What the exercise asks: In the entries that follow, the lines from the one with "#138=IFCINDEXEDPOLYGONALFACE((93,94,96,95));" through the one with "#143=IFCINDEXEDPOLYGONALFACE((105,109,110,106));" are the ones to write out, exactly and with both ends included. Nothing else should appear.

(Stored entries)
*** Block opens ***

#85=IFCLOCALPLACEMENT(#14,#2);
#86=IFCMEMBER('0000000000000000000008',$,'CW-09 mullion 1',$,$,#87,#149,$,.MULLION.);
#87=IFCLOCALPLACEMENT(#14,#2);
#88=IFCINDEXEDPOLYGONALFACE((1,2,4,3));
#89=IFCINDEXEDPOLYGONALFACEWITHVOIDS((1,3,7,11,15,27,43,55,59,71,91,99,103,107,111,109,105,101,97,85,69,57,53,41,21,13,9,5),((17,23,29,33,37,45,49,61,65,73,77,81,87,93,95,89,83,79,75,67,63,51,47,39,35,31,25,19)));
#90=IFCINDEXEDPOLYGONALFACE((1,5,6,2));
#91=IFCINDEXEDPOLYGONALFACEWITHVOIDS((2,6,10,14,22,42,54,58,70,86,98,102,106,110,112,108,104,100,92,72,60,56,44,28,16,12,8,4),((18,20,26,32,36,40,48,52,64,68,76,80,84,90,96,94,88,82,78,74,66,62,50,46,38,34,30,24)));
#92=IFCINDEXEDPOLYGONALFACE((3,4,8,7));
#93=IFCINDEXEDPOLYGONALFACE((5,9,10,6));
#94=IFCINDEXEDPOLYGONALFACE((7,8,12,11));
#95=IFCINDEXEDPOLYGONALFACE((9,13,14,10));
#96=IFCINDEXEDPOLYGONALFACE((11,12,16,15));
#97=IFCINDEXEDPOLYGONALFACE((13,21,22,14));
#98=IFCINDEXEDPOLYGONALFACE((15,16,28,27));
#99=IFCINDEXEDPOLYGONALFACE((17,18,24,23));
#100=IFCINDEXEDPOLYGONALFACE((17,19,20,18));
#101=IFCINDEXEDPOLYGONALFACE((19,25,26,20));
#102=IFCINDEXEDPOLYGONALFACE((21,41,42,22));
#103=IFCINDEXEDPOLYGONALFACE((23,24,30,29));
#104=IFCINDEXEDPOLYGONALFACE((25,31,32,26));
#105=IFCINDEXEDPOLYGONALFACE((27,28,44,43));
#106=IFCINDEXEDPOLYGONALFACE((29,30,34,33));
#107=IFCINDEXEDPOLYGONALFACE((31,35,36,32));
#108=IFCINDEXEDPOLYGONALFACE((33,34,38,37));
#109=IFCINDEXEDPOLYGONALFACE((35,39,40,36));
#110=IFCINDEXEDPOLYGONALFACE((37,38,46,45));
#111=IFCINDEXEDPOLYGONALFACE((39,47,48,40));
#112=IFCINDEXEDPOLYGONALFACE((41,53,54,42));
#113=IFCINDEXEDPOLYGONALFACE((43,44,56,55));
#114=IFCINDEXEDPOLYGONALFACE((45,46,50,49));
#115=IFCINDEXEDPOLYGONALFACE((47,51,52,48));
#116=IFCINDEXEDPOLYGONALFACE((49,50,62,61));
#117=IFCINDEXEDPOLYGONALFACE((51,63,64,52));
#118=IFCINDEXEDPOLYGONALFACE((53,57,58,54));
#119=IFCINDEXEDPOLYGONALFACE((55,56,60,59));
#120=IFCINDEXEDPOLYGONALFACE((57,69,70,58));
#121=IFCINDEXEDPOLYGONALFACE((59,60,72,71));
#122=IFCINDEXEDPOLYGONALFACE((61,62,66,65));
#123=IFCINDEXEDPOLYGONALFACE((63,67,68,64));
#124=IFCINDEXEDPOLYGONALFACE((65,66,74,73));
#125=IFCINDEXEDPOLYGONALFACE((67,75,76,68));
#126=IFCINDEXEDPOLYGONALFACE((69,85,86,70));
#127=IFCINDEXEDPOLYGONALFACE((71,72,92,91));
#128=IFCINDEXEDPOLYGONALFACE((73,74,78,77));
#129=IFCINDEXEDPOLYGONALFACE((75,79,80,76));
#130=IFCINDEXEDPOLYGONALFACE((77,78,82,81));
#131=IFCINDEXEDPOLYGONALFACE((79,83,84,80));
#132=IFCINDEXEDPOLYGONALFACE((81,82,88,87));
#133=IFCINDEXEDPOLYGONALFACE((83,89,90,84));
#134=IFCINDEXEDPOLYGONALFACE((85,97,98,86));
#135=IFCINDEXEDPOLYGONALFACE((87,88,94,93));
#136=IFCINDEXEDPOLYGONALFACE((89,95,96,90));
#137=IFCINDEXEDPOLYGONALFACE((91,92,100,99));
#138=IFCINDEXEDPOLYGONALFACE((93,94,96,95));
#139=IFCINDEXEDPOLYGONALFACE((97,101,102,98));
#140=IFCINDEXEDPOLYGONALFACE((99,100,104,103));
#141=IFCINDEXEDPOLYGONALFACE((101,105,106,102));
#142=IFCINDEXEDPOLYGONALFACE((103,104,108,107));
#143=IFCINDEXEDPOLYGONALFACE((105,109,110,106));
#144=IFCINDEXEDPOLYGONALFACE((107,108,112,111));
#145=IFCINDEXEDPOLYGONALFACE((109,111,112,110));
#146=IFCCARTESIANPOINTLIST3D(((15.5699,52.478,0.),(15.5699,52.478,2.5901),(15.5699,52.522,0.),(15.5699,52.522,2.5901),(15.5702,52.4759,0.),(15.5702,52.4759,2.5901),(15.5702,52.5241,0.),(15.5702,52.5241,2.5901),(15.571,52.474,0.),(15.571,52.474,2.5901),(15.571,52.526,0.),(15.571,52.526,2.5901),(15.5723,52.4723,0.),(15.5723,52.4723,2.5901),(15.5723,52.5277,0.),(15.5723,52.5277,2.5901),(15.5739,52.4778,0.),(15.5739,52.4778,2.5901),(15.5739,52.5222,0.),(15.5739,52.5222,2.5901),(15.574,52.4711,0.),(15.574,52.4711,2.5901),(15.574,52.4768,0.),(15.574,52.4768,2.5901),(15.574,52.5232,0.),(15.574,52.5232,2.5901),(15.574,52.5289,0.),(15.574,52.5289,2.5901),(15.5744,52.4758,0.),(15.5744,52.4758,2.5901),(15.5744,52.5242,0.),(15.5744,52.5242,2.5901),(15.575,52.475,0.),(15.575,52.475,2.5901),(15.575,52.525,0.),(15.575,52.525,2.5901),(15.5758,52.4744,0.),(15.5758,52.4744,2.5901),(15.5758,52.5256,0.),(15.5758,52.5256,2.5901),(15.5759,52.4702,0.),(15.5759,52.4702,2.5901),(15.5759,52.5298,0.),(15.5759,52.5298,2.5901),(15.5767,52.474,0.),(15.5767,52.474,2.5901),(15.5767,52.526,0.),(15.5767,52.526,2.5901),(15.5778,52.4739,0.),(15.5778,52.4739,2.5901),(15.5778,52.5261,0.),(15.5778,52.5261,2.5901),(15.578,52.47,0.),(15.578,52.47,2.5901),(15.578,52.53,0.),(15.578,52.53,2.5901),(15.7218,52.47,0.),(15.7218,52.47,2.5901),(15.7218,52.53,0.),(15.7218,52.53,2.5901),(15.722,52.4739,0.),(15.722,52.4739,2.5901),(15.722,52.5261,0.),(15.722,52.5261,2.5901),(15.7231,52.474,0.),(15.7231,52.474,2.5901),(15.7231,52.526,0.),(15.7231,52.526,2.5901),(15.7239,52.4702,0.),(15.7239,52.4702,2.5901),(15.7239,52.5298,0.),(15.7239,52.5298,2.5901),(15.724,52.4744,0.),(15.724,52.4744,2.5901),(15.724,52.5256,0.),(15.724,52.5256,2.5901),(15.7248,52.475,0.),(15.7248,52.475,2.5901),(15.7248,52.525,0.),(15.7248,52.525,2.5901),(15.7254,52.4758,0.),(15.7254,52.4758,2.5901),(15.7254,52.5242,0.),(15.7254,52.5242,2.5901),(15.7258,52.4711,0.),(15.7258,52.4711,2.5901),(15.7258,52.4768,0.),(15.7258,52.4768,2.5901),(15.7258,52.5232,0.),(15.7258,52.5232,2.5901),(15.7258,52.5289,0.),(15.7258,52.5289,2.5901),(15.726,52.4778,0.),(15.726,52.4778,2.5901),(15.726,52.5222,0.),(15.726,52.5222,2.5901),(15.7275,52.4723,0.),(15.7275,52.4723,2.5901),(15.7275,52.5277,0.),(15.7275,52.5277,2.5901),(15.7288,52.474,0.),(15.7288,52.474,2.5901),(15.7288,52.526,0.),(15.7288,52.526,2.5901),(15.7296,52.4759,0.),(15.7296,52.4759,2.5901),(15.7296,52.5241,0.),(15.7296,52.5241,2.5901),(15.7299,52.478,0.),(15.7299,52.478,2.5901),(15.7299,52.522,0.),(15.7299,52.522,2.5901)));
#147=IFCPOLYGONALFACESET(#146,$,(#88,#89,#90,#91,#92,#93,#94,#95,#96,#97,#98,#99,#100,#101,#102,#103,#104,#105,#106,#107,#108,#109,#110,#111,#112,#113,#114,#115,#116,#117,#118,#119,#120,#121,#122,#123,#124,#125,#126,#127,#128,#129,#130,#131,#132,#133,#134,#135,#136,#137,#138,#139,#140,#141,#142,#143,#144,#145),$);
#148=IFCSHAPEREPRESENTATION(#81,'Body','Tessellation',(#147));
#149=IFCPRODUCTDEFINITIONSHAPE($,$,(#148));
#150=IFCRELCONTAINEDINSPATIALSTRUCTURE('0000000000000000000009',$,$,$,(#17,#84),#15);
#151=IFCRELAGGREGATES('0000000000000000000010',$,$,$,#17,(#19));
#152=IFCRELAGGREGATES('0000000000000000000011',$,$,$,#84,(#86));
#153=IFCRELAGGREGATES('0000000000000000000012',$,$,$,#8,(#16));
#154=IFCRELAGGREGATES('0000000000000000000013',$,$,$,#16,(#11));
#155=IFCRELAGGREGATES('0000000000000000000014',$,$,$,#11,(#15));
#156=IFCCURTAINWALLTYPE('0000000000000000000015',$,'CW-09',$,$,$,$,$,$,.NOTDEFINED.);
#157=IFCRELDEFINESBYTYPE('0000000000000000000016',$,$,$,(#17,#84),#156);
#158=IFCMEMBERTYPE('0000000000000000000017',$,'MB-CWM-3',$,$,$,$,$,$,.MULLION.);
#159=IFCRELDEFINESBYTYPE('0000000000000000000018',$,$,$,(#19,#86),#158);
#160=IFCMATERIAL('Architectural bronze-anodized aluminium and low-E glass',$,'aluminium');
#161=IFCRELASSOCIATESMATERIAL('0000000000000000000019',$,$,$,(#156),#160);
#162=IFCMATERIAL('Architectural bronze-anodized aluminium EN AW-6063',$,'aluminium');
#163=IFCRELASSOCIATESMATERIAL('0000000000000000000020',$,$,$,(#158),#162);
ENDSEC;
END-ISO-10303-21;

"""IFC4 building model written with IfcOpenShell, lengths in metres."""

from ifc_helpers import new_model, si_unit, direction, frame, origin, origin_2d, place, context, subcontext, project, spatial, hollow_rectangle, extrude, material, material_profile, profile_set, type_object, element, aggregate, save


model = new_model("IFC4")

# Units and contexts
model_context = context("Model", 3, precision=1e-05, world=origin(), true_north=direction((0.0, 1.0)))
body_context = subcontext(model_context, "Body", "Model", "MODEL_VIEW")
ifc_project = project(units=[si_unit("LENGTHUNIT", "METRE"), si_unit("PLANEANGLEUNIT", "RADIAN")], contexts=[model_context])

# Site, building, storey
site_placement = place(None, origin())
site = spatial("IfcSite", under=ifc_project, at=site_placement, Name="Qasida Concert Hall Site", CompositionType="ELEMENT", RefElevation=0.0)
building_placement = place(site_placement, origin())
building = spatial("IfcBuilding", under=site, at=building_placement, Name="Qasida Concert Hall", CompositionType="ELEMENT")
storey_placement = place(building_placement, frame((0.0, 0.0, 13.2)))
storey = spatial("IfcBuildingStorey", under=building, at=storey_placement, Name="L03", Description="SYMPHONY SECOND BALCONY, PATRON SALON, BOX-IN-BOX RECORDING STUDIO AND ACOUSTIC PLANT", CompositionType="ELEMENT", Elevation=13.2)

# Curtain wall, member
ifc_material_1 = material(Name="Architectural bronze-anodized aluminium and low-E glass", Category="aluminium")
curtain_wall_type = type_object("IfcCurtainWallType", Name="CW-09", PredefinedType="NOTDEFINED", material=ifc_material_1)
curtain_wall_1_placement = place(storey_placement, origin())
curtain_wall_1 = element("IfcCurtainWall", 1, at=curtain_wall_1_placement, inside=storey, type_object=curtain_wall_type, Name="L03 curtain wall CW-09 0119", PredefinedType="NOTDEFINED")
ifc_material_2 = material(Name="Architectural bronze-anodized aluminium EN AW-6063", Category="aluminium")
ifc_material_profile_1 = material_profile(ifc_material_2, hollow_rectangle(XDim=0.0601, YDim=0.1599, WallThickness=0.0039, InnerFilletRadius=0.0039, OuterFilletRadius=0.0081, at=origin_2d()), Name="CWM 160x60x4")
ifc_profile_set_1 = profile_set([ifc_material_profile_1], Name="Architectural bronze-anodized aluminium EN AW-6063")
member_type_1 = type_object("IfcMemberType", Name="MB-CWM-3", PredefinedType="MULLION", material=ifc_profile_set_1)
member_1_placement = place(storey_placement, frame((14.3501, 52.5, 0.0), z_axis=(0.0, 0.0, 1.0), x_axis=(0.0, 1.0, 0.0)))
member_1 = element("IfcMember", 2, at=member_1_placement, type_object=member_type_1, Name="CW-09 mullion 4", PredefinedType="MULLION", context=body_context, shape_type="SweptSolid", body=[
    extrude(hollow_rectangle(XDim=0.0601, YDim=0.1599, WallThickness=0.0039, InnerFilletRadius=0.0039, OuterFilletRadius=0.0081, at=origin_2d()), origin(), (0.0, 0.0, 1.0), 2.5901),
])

*** Block closes ***

Reply:
#138=IFCINDEXEDPOLYGONALFACE((93,94,96,95));
#139=IFCINDEXEDPOLYGONALFACE((97,101,102,98));
#140=IFCINDEXEDPOLYGONALFACE((99,100,104,103));
#141=IFCINDEXEDPOLYGONALFACE((101,105,106,102));
#142=IFCINDEXEDPOLYGONALFACE((103,104,108,107));
#143=IFCINDEXEDPOLYGONALFACE((105,109,110,106));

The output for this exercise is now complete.